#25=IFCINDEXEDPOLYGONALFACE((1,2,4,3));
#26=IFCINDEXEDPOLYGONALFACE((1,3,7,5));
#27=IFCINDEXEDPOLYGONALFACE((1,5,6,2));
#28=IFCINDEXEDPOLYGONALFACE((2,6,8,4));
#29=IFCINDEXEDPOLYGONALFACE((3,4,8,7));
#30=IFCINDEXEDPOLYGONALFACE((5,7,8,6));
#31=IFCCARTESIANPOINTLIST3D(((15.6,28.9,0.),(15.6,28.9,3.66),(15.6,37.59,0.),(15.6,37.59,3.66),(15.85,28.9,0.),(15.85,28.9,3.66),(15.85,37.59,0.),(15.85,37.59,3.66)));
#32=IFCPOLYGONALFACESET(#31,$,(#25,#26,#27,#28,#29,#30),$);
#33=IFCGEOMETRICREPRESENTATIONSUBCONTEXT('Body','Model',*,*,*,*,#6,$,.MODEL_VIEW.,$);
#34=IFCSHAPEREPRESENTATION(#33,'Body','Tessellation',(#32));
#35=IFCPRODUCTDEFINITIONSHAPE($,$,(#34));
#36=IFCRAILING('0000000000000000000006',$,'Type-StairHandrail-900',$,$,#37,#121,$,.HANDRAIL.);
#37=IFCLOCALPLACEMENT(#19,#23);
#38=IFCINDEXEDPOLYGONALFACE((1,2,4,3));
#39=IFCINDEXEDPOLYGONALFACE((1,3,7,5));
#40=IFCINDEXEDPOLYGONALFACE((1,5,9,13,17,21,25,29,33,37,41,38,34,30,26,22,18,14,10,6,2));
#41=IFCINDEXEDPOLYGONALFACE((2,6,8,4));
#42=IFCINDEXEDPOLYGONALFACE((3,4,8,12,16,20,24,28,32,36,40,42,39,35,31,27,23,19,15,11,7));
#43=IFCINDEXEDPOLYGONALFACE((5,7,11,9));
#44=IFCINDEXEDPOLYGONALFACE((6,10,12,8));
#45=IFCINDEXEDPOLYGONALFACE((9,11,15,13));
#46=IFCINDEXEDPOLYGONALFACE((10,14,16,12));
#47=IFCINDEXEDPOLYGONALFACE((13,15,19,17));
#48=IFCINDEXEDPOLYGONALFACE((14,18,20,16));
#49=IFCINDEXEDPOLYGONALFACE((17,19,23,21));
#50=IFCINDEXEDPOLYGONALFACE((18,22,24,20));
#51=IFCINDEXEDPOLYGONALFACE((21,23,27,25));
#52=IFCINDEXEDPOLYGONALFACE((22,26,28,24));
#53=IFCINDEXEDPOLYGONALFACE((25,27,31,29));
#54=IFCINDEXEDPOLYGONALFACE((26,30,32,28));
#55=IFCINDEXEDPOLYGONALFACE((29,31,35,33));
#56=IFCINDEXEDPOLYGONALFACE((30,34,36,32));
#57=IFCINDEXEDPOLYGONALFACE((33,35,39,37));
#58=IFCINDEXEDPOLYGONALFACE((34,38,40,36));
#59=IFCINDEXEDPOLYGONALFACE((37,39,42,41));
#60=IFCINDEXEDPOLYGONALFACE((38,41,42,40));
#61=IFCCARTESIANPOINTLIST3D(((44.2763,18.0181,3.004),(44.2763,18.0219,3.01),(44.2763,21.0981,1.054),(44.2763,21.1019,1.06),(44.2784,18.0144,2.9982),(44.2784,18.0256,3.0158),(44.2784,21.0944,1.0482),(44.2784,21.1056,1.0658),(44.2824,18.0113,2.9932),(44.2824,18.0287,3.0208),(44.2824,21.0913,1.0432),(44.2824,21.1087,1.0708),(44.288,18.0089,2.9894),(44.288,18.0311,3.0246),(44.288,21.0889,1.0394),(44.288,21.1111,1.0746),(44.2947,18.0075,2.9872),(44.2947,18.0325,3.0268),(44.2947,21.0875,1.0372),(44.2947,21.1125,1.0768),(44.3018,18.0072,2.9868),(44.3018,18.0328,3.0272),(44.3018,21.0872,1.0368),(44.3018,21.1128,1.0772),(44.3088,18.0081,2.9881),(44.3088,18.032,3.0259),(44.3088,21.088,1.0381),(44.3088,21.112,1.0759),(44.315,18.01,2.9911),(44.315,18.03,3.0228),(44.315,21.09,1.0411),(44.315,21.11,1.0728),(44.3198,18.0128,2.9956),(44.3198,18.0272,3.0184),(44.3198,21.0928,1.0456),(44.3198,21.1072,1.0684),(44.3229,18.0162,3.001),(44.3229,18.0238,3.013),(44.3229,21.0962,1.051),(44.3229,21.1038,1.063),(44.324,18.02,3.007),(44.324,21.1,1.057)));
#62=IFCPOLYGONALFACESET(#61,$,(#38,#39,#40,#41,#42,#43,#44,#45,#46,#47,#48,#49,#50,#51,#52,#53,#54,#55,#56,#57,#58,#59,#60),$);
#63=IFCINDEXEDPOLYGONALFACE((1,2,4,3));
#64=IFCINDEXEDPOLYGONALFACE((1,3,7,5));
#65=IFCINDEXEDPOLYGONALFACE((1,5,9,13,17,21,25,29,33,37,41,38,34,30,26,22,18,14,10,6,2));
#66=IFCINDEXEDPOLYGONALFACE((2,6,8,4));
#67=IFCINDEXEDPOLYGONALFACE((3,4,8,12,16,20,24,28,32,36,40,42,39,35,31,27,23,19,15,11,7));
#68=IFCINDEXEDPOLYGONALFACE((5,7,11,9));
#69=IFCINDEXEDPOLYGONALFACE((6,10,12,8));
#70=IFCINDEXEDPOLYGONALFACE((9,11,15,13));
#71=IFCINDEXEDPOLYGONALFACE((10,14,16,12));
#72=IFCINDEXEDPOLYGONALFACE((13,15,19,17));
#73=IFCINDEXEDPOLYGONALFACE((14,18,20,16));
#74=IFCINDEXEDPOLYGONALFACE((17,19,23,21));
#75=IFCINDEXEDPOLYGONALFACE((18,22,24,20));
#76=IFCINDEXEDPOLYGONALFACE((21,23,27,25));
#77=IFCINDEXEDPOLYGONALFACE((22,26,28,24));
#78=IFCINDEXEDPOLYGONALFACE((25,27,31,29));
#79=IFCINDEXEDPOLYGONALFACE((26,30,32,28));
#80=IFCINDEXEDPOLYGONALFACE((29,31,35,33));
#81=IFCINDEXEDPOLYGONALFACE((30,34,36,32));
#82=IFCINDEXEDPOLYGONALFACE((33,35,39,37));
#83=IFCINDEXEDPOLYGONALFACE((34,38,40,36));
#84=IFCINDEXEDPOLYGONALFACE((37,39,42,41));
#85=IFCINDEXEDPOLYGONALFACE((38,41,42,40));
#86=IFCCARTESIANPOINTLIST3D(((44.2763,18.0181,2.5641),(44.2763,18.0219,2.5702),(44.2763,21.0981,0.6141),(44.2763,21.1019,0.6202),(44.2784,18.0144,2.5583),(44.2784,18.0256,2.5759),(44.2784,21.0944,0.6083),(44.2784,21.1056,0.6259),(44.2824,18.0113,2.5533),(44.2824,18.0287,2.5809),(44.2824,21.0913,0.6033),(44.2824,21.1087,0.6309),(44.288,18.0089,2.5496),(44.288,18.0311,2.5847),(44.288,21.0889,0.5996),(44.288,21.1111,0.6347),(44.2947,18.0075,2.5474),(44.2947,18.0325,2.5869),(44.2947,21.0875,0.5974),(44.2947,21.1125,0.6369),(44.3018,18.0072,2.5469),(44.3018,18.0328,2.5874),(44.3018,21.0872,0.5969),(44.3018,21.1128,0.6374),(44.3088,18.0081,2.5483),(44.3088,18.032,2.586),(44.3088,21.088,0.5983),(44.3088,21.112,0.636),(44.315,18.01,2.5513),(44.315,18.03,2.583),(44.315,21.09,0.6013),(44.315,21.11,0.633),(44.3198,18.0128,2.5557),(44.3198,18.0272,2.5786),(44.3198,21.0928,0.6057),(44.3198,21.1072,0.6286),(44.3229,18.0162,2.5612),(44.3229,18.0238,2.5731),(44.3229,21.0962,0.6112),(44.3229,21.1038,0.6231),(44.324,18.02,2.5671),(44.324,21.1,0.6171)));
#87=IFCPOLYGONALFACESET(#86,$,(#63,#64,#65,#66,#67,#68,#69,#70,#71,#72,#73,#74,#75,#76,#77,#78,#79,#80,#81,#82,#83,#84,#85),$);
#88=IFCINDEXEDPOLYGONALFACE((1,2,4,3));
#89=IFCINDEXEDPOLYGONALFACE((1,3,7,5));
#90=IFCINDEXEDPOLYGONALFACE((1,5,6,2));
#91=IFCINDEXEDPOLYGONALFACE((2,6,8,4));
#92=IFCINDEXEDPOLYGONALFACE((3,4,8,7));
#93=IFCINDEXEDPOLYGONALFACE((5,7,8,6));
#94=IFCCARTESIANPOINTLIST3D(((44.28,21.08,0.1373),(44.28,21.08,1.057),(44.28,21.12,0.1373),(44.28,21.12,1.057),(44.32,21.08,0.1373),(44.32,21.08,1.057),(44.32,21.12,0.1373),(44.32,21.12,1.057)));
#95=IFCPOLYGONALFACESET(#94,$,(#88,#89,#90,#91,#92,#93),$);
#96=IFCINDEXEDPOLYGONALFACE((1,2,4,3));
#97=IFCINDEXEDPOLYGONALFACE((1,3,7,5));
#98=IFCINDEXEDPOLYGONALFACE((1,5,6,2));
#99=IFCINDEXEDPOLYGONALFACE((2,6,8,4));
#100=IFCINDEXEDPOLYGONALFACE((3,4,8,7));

● ● ● ● ● ● ●

• **Work to complete**:
Your answer should be one number, the count of lines in the records that contain the string "IFCPOLYGONALFACESET".

• **Written response**:
4